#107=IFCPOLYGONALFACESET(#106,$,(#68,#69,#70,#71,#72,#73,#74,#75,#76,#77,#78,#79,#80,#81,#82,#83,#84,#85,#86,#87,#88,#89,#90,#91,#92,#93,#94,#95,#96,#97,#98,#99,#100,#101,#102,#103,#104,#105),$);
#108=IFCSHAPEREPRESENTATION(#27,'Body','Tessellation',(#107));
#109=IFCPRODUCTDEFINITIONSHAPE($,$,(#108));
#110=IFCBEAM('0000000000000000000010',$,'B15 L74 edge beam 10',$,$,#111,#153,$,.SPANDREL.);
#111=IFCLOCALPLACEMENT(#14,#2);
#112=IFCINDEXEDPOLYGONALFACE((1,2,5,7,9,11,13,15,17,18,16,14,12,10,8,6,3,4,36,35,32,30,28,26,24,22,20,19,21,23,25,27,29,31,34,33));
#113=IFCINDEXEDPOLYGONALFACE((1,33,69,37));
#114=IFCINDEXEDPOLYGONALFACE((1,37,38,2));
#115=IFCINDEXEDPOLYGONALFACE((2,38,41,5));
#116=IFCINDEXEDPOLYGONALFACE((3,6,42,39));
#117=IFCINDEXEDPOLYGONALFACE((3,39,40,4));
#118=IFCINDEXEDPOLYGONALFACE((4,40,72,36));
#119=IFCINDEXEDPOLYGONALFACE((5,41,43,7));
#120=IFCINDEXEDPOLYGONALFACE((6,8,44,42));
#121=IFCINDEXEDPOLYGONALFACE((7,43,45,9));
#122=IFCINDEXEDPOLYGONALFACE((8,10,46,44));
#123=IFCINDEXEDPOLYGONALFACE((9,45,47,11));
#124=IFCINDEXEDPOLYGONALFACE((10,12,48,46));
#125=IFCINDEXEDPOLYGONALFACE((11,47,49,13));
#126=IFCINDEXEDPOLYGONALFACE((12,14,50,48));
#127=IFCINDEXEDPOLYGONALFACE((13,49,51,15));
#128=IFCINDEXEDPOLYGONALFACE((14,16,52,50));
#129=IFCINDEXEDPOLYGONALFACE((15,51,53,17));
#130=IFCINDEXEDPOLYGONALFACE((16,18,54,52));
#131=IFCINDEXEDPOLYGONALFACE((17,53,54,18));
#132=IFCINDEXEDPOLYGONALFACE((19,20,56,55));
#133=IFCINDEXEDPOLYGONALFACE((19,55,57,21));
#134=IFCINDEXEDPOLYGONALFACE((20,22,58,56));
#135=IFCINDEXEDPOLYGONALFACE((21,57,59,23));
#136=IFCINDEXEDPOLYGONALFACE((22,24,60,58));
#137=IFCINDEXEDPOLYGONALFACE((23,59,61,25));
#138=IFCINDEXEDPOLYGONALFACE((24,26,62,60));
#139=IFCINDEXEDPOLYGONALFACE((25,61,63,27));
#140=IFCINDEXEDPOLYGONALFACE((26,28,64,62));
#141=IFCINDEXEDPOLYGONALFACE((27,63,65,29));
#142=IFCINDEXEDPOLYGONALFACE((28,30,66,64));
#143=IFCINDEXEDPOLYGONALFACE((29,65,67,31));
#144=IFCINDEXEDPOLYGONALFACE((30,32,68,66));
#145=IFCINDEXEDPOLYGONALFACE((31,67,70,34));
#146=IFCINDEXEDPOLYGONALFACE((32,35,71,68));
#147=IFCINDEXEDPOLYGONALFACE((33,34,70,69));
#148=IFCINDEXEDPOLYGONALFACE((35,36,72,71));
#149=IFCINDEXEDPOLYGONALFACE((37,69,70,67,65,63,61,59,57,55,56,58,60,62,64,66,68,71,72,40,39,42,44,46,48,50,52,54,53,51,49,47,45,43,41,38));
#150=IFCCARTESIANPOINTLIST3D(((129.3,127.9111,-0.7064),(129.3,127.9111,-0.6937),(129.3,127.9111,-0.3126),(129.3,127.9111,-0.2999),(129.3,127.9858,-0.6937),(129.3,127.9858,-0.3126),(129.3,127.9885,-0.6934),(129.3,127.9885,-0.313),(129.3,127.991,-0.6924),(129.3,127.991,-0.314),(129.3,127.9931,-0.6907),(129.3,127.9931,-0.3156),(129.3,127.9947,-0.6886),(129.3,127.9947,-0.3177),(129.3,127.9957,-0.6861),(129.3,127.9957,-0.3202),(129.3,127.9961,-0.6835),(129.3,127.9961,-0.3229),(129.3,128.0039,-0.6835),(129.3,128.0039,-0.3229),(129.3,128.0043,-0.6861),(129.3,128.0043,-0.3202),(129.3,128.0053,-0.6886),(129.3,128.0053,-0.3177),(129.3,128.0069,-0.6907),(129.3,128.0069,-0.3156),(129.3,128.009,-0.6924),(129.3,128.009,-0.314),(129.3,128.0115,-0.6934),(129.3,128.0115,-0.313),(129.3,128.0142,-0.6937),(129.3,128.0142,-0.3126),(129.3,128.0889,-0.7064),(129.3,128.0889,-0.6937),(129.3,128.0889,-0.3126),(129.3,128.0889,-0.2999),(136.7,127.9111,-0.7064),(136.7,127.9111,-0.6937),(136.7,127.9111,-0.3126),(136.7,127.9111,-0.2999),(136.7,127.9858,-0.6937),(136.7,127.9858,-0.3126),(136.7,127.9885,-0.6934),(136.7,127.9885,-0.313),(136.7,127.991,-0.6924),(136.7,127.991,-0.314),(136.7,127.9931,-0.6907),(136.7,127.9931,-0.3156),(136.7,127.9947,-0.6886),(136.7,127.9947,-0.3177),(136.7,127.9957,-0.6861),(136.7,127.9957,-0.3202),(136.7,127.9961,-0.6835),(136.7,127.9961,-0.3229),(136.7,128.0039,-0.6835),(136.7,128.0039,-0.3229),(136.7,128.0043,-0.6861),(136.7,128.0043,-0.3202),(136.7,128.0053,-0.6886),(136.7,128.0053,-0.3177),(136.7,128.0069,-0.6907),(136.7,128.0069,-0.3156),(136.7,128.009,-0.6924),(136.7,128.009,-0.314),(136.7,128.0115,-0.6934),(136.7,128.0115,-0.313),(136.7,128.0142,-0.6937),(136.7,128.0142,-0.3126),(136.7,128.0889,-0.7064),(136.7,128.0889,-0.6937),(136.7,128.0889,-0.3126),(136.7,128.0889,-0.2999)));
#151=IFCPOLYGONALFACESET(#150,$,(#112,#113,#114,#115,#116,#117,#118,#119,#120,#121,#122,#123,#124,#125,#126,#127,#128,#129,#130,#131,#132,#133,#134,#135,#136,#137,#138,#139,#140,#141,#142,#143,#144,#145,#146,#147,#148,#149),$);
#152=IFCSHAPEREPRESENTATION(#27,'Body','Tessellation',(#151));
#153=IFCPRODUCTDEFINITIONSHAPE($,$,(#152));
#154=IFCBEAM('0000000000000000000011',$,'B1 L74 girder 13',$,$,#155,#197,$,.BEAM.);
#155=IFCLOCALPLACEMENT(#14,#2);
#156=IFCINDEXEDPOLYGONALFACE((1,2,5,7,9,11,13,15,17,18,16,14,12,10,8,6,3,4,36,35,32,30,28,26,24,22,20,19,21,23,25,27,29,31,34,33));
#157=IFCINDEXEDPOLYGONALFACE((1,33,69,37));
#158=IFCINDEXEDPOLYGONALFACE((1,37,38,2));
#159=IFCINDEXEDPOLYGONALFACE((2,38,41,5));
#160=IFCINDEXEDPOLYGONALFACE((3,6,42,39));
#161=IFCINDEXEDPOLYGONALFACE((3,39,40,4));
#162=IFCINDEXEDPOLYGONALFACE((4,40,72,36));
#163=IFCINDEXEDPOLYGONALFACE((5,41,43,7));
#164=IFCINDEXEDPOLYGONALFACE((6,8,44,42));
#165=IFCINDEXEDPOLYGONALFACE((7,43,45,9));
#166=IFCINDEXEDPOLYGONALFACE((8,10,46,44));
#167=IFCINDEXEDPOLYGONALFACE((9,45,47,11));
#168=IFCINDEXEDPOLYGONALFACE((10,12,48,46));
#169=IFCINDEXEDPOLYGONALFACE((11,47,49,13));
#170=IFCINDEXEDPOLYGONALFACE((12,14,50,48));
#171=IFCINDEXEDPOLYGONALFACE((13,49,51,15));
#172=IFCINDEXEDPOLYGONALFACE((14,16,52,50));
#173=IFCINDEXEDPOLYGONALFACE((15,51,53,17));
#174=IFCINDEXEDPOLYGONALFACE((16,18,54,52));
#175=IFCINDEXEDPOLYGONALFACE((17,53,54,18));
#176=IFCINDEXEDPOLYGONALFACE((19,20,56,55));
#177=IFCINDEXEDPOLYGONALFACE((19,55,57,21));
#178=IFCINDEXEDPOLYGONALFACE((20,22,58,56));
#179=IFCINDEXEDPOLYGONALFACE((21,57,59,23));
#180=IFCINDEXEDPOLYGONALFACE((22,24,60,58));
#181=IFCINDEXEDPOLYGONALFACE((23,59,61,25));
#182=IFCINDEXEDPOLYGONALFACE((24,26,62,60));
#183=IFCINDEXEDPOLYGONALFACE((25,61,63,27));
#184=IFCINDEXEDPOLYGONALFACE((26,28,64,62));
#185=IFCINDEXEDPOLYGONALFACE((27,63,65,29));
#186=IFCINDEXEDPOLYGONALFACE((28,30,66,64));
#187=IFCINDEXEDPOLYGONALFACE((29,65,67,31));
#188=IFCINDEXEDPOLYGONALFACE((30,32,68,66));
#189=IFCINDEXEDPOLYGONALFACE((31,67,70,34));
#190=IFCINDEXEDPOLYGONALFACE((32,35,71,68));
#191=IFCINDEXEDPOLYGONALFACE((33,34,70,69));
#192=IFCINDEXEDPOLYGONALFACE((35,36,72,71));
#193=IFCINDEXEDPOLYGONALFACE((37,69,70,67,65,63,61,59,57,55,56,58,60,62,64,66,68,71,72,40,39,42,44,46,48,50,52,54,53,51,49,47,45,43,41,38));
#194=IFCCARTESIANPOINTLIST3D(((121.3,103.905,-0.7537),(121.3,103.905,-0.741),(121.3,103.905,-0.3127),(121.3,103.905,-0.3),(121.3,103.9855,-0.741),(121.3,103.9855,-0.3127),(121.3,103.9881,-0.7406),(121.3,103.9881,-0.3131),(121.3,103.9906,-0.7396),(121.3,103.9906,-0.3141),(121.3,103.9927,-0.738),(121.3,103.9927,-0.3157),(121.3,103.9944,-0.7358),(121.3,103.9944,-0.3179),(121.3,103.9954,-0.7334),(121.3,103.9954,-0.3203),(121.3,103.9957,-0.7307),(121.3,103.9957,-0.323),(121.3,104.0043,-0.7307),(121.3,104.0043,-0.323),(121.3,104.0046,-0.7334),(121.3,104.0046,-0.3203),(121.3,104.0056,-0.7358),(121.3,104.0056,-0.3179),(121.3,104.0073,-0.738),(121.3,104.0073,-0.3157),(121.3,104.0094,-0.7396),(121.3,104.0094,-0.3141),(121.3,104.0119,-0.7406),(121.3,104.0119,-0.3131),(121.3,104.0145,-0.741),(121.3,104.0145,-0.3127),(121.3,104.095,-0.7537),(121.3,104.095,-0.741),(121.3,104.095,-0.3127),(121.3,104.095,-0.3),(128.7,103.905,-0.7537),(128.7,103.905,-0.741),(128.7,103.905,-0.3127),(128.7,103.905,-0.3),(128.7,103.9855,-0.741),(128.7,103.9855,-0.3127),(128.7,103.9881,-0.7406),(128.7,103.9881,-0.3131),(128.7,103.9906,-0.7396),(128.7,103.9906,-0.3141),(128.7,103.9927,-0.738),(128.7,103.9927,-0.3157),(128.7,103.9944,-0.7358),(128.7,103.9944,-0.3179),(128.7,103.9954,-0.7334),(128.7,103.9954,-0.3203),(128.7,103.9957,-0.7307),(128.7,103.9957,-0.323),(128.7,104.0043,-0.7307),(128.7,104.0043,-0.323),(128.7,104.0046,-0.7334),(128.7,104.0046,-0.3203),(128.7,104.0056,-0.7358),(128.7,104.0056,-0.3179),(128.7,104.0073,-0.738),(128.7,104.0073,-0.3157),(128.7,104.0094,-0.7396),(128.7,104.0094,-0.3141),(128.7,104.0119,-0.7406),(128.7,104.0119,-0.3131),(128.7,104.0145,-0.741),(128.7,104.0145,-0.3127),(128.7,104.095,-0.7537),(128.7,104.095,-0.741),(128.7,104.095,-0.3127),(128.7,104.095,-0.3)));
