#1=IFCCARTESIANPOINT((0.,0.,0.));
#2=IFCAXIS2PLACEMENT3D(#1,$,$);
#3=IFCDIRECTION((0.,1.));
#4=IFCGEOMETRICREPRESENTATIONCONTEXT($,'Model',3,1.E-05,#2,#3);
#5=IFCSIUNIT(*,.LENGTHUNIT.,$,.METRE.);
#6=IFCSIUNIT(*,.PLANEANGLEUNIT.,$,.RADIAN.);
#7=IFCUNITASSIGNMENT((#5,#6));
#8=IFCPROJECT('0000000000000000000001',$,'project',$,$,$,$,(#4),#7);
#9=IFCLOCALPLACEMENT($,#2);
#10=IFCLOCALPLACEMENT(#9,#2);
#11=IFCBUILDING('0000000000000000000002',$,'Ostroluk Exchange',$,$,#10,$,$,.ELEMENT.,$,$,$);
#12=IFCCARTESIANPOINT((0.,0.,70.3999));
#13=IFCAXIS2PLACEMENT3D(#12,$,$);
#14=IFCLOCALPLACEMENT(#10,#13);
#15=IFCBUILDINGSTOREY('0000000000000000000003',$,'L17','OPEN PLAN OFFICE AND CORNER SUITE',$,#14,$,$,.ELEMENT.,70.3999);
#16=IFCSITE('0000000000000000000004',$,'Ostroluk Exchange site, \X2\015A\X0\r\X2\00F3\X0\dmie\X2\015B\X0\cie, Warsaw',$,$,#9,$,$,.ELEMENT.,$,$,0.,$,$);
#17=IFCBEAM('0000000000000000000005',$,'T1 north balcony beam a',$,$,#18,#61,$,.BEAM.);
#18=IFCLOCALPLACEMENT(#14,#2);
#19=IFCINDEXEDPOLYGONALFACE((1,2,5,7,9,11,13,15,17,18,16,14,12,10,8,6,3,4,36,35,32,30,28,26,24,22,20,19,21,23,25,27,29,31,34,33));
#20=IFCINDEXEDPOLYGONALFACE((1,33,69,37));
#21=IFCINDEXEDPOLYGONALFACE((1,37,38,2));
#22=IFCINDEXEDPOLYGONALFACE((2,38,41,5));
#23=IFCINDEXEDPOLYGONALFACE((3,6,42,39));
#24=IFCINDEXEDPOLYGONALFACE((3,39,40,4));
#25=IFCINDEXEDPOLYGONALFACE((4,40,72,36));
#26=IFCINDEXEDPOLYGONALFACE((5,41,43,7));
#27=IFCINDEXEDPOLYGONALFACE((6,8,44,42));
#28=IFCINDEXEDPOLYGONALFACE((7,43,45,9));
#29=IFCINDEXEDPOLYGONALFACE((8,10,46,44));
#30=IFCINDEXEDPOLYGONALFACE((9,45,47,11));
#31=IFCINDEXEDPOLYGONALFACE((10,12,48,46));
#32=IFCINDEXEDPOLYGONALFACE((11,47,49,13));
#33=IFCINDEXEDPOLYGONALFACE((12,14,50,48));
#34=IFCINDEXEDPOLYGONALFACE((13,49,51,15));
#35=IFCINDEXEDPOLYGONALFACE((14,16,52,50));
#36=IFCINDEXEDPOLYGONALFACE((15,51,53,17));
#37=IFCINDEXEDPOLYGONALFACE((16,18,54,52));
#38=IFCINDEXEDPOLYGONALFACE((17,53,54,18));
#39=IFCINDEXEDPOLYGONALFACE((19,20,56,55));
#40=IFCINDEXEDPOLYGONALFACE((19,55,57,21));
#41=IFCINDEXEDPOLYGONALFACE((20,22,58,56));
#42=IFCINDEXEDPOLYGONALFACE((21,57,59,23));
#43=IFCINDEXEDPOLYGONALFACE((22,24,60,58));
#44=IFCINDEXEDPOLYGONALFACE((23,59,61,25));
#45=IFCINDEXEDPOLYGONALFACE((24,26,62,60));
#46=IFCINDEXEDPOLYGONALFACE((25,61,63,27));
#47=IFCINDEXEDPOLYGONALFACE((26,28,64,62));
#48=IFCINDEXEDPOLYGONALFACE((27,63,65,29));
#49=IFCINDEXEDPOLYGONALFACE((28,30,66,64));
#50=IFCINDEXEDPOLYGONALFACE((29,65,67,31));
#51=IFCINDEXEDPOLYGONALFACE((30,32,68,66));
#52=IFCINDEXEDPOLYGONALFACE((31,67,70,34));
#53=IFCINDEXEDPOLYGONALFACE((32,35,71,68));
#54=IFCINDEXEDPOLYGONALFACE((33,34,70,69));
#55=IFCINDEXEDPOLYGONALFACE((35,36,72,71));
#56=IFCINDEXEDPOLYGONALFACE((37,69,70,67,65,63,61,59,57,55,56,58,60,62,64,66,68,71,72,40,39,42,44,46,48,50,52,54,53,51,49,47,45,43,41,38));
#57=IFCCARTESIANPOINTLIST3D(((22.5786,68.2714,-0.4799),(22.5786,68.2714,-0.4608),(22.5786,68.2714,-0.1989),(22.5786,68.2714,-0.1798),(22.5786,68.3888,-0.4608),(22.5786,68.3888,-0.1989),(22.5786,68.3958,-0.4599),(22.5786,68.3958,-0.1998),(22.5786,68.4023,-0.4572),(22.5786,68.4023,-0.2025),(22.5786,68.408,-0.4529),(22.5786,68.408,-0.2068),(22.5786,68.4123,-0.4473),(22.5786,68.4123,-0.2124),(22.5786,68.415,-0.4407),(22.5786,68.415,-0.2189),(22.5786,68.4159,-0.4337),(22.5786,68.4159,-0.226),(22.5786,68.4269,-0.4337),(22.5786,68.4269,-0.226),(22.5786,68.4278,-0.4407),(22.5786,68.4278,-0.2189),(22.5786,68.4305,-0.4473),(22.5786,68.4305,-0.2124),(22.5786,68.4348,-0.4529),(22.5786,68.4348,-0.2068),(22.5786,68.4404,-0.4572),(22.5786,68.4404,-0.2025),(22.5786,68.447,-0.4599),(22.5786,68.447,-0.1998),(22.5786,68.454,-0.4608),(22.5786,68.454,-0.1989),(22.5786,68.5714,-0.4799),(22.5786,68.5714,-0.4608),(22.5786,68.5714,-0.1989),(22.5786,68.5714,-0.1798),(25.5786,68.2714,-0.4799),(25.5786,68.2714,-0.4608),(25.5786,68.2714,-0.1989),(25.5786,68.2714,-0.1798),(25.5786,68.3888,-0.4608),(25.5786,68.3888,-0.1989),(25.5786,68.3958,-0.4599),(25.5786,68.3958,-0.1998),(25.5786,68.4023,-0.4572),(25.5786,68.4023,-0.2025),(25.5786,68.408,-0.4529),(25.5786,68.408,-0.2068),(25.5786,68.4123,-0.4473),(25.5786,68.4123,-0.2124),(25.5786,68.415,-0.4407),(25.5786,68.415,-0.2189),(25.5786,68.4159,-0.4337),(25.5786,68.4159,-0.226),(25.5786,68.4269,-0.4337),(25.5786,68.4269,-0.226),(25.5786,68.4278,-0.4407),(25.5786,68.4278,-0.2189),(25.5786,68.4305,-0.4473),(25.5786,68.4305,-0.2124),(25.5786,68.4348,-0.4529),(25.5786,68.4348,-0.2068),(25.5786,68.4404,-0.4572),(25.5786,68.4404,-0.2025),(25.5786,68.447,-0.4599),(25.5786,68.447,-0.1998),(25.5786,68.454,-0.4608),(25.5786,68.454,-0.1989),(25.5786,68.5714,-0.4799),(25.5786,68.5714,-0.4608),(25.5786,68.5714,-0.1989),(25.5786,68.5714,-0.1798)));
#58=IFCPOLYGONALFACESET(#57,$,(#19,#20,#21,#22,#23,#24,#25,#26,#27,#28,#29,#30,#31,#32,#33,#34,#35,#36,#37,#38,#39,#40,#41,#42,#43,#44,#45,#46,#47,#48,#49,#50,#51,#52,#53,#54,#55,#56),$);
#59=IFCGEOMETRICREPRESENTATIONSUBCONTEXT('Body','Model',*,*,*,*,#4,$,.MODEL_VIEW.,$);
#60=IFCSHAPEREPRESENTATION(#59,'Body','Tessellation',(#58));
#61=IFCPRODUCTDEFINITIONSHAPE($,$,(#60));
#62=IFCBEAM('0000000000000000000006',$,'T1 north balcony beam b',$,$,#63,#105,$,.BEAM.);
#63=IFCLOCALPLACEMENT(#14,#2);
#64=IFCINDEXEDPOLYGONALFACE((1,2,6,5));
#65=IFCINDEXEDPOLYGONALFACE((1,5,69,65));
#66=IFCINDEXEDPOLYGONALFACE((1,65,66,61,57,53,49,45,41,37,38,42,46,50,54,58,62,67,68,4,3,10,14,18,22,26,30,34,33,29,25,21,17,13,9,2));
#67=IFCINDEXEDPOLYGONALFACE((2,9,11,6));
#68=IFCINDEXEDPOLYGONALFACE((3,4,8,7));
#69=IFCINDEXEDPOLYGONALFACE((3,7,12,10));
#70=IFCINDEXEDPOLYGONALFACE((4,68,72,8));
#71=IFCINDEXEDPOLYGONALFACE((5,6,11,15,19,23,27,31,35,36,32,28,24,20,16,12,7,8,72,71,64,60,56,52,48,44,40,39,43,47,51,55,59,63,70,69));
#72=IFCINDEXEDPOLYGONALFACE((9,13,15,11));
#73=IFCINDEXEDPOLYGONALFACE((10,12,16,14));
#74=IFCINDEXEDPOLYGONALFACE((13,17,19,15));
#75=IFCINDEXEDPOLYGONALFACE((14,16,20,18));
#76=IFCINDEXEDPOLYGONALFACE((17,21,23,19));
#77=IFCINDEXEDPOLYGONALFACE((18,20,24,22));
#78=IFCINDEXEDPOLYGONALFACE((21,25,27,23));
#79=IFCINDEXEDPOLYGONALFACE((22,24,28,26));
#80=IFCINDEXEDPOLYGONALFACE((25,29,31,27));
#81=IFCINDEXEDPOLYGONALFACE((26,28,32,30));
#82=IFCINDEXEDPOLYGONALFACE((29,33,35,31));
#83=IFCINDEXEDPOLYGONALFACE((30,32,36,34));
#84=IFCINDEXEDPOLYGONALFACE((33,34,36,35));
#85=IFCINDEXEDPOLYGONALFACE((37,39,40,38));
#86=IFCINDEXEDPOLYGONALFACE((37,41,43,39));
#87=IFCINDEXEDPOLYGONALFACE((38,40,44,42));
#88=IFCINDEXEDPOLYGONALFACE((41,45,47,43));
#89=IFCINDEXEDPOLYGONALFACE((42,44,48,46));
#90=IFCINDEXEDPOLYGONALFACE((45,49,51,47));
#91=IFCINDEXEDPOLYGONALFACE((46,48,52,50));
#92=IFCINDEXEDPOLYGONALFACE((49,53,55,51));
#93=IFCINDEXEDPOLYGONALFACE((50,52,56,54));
......
**WHAT THE TASK ASKS:**
Each line from the top of the listing down to and including the one containing "#142=IFCINDEXEDPOLYGONALFACE((28,30,66,64));" should be transcribed exactly; nothing else is to be output.

**ANSWER TO THE EXERCISE:**
#107=IFCPOLYGONALFACESET(#106,$,(#68,#69,#70,#71,#72,#73,#74,#75,#76,#77,#78,#79,#80,#81,#82,#83,#84,#85,#86,#87,#88,#89,#90,#91,#92,#93,#94,#95,#96,#97,#98,#99,#100,#101,#102,#103,#104,#105),$);
#108=IFCSHAPEREPRESENTATION(#27,'Body','Tessellation',(#107));
#109=IFCPRODUCTDEFINITIONSHAPE($,$,(#108));
#110=IFCBEAM('0000000000000000000010',$,'B15 L74 edge beam 10',$,$,#111,#153,$,.SPANDREL.);
#111=IFCLOCALPLACEMENT(#14,#2);
#112=IFCINDEXEDPOLYGONALFACE((1,2,5,7,9,11,13,15,17,18,16,14,12,10,8,6,3,4,36,35,32,30,28,26,24,22,20,19,21,23,25,27,29,31,34,33));
#113=IFCINDEXEDPOLYGONALFACE((1,33,69,37));
#114=IFCINDEXEDPOLYGONALFACE((1,37,38,2));
#115=IFCINDEXEDPOLYGONALFACE((2,38,41,5));
#116=IFCINDEXEDPOLYGONALFACE((3,6,42,39));
#117=IFCINDEXEDPOLYGONALFACE((3,39,40,4));
#118=IFCINDEXEDPOLYGONALFACE((4,40,72,36));
#119=IFCINDEXEDPOLYGONALFACE((5,41,43,7));
#120=IFCINDEXEDPOLYGONALFACE((6,8,44,42));
#121=IFCINDEXEDPOLYGONALFACE((7,43,45,9));
#122=IFCINDEXEDPOLYGONALFACE((8,10,46,44));
#123=IFCINDEXEDPOLYGONALFACE((9,45,47,11));
#124=IFCINDEXEDPOLYGONALFACE((10,12,48,46));
#125=IFCINDEXEDPOLYGONALFACE((11,47,49,13));
#126=IFCINDEXEDPOLYGONALFACE((12,14,50,48));
#127=IFCINDEXEDPOLYGONALFACE((13,49,51,15));
#128=IFCINDEXEDPOLYGONALFACE((14,16,52,50));
#129=IFCINDEXEDPOLYGONALFACE((15,51,53,17));
#130=IFCINDEXEDPOLYGONALFACE((16,18,54,52));
#131=IFCINDEXEDPOLYGONALFACE((17,53,54,18));
#132=IFCINDEXEDPOLYGONALFACE((19,20,56,55));
#133=IFCINDEXEDPOLYGONALFACE((19,55,57,21));
#134=IFCINDEXEDPOLYGONALFACE((20,22,58,56));
#135=IFCINDEXEDPOLYGONALFACE((21,57,59,23));
#136=IFCINDEXEDPOLYGONALFACE((22,24,60,58));
#137=IFCINDEXEDPOLYGONALFACE((23,59,61,25));
#138=IFCINDEXEDPOLYGONALFACE((24,26,62,60));
#139=IFCINDEXEDPOLYGONALFACE((25,61,63,27));
#140=IFCINDEXEDPOLYGONALFACE((26,28,64,62));
#141=IFCINDEXEDPOLYGONALFACE((27,63,65,29));
#142=IFCINDEXEDPOLYGONALFACE((28,30,66,64));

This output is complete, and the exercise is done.